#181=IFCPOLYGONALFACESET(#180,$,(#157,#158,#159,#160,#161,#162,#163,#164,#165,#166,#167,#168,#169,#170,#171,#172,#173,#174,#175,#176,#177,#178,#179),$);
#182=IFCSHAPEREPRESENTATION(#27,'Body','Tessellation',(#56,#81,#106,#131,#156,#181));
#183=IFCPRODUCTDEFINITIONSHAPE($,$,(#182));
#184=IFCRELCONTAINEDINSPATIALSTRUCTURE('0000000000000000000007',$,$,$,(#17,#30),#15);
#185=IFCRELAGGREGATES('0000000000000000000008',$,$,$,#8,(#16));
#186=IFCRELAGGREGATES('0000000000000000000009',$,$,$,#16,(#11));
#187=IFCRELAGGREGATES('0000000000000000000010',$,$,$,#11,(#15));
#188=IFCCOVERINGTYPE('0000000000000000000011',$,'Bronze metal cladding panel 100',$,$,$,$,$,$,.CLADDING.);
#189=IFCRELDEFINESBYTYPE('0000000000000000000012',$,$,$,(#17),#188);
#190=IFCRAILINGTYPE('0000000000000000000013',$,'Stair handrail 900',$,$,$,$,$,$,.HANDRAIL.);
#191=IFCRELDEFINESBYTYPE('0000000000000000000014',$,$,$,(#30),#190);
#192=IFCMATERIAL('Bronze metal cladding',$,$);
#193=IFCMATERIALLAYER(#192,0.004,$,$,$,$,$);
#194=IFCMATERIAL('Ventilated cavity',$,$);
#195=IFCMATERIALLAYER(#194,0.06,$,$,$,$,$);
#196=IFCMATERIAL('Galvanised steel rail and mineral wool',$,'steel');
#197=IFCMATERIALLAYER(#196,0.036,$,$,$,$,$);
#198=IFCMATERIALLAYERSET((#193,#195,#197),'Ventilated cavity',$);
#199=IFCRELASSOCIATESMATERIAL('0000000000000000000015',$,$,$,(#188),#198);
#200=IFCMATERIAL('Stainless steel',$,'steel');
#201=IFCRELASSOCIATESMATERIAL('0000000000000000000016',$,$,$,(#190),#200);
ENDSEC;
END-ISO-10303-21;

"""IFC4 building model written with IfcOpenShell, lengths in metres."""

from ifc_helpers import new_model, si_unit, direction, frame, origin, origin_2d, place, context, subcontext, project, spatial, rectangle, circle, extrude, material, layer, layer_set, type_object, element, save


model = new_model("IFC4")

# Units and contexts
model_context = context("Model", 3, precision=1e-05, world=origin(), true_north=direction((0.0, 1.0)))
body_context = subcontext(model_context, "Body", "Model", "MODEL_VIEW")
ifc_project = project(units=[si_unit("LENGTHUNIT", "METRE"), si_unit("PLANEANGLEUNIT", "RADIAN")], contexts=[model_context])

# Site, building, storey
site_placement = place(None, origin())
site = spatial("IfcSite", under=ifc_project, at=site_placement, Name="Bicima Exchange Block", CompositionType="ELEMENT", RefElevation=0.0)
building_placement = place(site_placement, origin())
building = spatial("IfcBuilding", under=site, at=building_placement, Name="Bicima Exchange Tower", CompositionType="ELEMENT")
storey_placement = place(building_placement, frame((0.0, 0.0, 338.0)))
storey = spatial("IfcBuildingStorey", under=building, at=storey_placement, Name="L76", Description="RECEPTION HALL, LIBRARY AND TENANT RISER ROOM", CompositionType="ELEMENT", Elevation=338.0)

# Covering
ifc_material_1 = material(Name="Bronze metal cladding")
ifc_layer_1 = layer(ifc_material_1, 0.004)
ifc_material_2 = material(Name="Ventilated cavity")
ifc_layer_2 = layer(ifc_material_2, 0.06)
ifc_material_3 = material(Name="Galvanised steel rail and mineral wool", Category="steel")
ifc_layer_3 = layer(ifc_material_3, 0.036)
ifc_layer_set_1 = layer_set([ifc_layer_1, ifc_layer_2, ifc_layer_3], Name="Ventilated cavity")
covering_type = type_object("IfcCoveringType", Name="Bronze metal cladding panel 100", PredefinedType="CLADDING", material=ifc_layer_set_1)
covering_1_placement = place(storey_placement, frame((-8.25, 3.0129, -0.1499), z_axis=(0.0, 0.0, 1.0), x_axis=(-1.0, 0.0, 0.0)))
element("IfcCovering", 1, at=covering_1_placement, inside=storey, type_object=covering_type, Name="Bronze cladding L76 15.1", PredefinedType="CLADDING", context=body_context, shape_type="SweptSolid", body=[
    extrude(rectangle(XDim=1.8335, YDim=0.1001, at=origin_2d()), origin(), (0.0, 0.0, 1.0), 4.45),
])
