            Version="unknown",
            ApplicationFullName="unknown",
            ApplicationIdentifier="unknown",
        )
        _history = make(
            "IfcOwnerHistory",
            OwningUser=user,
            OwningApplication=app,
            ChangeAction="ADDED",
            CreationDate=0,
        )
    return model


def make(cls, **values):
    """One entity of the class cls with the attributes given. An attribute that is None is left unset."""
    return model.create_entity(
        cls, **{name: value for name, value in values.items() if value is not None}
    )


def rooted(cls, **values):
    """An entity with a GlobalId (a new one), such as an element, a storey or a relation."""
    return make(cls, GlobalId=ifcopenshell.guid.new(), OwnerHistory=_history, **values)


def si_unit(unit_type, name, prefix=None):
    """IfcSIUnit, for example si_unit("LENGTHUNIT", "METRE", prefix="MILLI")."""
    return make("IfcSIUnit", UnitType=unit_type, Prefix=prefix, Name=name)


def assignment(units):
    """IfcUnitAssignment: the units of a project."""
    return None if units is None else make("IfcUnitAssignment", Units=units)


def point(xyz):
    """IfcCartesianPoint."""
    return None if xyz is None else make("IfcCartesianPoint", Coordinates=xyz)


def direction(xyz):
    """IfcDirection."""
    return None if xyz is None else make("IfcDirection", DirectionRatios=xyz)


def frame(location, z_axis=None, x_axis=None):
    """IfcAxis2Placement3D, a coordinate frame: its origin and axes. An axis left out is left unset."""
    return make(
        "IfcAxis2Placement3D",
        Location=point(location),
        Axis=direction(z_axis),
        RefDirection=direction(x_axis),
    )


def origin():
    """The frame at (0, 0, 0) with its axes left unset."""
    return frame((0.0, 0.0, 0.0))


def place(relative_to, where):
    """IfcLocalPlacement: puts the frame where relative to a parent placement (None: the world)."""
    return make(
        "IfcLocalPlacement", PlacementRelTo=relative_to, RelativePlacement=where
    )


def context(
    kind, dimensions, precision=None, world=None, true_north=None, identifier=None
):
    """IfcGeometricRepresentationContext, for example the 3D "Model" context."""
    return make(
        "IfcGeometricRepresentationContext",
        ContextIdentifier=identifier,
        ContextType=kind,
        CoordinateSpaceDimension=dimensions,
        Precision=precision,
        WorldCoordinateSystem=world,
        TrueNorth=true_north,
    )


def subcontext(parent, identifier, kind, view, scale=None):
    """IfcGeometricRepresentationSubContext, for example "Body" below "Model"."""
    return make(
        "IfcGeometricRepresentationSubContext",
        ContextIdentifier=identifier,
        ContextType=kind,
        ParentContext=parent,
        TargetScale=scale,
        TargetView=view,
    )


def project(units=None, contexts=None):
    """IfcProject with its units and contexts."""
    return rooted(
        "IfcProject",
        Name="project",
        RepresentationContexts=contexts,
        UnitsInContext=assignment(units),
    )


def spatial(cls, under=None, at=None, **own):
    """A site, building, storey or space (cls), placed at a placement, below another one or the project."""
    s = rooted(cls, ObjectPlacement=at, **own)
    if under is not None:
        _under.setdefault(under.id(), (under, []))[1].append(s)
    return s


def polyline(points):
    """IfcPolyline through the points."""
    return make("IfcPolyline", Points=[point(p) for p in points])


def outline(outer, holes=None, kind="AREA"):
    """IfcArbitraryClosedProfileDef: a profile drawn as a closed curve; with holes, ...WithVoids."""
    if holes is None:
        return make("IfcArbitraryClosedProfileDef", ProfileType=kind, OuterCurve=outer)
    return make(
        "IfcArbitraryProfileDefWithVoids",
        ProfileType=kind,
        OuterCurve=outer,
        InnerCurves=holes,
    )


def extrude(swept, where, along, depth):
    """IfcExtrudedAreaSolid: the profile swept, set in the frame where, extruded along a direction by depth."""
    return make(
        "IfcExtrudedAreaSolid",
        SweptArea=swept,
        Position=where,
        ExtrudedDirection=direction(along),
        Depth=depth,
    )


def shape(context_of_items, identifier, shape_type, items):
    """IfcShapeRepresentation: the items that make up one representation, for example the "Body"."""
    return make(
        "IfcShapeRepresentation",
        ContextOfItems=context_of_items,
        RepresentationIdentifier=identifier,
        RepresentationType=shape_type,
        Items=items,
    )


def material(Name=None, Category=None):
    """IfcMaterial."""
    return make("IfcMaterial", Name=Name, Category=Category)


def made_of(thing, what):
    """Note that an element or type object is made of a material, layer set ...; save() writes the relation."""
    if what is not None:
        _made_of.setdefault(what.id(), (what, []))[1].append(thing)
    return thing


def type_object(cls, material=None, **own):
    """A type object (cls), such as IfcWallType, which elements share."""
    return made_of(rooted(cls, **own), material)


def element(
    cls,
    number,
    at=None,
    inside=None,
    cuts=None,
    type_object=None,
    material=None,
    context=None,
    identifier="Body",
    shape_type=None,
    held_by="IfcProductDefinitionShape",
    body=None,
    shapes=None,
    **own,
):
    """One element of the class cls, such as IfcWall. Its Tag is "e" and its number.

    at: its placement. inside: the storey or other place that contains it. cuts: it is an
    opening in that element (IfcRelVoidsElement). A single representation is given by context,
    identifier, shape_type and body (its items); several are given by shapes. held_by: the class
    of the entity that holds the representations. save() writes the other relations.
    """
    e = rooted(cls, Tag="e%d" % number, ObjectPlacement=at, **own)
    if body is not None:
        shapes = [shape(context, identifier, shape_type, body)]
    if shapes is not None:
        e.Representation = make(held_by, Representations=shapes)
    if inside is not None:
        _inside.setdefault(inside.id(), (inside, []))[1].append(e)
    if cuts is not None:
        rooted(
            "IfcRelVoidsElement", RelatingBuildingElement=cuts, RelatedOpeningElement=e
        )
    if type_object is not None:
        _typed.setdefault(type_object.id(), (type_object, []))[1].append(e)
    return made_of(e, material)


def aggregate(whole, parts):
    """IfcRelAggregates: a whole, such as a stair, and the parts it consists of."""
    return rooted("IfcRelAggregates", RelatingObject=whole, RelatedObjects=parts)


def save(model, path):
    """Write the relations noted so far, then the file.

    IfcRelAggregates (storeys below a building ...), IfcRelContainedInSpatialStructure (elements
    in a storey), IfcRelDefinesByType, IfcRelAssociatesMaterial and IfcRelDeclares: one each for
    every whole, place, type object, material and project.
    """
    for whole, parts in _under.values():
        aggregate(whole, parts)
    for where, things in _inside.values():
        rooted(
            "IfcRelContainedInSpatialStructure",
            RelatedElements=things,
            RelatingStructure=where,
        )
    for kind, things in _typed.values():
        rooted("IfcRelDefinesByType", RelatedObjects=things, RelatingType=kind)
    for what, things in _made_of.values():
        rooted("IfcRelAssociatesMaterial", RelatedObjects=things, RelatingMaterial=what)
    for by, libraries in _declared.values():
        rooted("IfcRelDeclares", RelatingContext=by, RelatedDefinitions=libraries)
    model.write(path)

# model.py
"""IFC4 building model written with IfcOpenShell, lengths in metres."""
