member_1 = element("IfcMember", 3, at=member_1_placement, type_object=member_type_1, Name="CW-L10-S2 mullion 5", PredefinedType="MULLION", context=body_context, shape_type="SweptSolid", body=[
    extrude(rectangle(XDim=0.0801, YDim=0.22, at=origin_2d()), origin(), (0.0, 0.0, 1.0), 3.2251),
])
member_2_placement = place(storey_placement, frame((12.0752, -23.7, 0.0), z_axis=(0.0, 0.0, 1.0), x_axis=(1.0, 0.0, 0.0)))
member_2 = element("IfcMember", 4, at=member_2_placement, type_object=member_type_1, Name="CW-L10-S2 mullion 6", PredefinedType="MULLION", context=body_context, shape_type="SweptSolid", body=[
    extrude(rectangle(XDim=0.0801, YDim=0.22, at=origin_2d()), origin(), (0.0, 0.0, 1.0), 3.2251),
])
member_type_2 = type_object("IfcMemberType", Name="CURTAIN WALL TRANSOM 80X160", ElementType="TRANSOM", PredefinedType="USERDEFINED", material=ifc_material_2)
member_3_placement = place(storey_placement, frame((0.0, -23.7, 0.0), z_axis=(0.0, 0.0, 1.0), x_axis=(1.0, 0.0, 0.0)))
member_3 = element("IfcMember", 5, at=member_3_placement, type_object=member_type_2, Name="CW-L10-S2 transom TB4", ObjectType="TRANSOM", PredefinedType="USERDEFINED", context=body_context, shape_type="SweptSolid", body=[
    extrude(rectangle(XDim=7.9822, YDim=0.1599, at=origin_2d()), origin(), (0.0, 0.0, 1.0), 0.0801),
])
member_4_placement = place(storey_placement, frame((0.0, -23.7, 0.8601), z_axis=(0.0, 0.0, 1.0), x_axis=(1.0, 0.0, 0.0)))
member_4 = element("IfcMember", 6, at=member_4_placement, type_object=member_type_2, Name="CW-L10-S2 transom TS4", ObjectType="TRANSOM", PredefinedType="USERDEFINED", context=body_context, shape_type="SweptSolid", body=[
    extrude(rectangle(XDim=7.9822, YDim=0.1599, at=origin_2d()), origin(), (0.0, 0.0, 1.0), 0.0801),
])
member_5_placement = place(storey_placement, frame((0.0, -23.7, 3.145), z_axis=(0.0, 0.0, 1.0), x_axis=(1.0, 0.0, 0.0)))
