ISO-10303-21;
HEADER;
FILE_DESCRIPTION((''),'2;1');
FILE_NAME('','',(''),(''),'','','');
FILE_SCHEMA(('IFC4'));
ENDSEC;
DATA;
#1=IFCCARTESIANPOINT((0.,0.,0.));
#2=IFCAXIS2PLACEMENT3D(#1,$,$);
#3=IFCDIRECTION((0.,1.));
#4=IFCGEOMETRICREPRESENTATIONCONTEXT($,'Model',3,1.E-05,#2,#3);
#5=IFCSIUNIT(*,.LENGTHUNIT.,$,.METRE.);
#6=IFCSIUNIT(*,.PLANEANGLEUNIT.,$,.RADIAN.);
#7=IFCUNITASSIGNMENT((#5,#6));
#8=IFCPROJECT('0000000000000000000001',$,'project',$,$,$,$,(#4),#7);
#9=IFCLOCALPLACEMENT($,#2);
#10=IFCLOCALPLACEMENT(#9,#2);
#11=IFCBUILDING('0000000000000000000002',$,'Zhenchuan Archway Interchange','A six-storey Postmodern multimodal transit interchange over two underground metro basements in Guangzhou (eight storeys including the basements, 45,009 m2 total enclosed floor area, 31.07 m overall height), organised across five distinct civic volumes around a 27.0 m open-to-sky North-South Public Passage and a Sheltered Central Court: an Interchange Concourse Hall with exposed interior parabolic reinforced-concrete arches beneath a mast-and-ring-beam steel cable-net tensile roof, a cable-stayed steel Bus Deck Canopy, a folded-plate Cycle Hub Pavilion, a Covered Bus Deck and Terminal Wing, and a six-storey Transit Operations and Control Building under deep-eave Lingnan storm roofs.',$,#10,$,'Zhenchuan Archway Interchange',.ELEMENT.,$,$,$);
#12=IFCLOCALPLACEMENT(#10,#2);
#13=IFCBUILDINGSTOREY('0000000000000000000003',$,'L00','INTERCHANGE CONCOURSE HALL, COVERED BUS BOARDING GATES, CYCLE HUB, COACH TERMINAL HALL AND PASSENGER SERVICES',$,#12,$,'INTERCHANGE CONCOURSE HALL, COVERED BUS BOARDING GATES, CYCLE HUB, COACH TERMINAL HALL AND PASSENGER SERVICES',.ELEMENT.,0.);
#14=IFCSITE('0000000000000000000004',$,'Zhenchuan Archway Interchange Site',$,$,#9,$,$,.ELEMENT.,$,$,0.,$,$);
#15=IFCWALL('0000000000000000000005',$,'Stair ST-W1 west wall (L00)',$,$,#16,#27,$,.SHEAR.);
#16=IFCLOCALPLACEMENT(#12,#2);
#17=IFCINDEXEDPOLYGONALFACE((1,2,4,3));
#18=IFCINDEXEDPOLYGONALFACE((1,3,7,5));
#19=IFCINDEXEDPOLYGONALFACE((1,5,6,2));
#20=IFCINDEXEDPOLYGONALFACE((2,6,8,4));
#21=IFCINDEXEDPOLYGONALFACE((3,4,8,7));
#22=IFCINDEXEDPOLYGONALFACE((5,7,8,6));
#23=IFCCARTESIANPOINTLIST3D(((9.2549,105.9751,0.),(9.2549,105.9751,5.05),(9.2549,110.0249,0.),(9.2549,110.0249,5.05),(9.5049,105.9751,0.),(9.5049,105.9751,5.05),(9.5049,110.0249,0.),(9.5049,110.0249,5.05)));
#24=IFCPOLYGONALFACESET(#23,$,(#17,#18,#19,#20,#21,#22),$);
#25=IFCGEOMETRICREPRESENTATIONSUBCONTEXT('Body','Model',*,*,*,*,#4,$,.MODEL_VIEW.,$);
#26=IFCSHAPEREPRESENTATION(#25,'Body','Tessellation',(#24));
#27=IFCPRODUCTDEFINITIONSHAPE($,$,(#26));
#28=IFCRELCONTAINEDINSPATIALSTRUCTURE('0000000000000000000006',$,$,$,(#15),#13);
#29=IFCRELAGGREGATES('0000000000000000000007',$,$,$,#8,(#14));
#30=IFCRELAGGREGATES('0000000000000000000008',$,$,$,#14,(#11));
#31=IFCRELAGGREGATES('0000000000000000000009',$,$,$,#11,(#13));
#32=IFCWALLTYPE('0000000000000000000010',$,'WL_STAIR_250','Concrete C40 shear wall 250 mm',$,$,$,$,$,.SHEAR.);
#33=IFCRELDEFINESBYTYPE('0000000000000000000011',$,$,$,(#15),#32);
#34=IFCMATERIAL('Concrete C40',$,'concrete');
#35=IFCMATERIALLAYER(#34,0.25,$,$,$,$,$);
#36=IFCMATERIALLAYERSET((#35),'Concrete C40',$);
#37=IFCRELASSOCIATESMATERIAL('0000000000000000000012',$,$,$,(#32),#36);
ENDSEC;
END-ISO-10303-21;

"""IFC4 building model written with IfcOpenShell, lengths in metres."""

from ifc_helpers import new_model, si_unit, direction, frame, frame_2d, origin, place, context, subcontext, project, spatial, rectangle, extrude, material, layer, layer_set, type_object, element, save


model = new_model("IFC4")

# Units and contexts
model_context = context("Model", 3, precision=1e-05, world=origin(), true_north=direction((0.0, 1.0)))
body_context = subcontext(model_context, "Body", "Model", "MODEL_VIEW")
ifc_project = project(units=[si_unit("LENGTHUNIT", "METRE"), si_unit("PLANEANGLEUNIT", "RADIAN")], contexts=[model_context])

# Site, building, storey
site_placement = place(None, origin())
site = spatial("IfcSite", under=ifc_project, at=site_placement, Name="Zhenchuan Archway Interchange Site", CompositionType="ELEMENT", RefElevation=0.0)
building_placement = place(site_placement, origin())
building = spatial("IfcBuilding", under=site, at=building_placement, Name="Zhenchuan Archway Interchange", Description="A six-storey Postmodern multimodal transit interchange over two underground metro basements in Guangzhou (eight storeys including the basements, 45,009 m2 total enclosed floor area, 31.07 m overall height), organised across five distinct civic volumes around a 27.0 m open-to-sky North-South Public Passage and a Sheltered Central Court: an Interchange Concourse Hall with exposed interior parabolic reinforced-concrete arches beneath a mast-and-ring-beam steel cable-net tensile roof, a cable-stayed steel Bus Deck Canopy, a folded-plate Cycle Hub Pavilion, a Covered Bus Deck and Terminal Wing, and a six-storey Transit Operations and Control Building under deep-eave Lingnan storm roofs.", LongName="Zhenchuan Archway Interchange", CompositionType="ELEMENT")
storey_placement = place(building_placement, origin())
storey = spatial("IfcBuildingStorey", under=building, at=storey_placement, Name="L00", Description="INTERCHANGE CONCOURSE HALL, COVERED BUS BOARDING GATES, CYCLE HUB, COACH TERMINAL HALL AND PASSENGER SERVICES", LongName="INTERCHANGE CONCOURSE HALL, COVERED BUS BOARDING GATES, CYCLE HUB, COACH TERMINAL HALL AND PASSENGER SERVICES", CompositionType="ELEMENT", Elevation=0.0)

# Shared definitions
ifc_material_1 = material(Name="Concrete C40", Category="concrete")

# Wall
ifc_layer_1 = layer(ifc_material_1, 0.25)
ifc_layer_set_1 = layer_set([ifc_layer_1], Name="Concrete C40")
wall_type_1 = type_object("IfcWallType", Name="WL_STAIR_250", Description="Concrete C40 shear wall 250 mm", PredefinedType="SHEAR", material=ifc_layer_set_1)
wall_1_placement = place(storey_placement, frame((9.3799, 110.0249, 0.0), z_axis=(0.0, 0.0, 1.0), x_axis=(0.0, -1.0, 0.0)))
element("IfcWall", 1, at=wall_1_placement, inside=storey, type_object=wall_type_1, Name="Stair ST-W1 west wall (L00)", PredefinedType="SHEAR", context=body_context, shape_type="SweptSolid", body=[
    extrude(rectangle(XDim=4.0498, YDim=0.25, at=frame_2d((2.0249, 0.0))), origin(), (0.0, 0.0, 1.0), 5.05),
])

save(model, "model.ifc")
------------------------------------------------
Pull together all lines from the data that mention the word "parent".

Task response:
    """IfcLocalPlacement: puts the frame where relative to a parent placement (None: the world)."""
def subcontext(parent, identifier, kind, view, scale=None):
        ParentContext=parent,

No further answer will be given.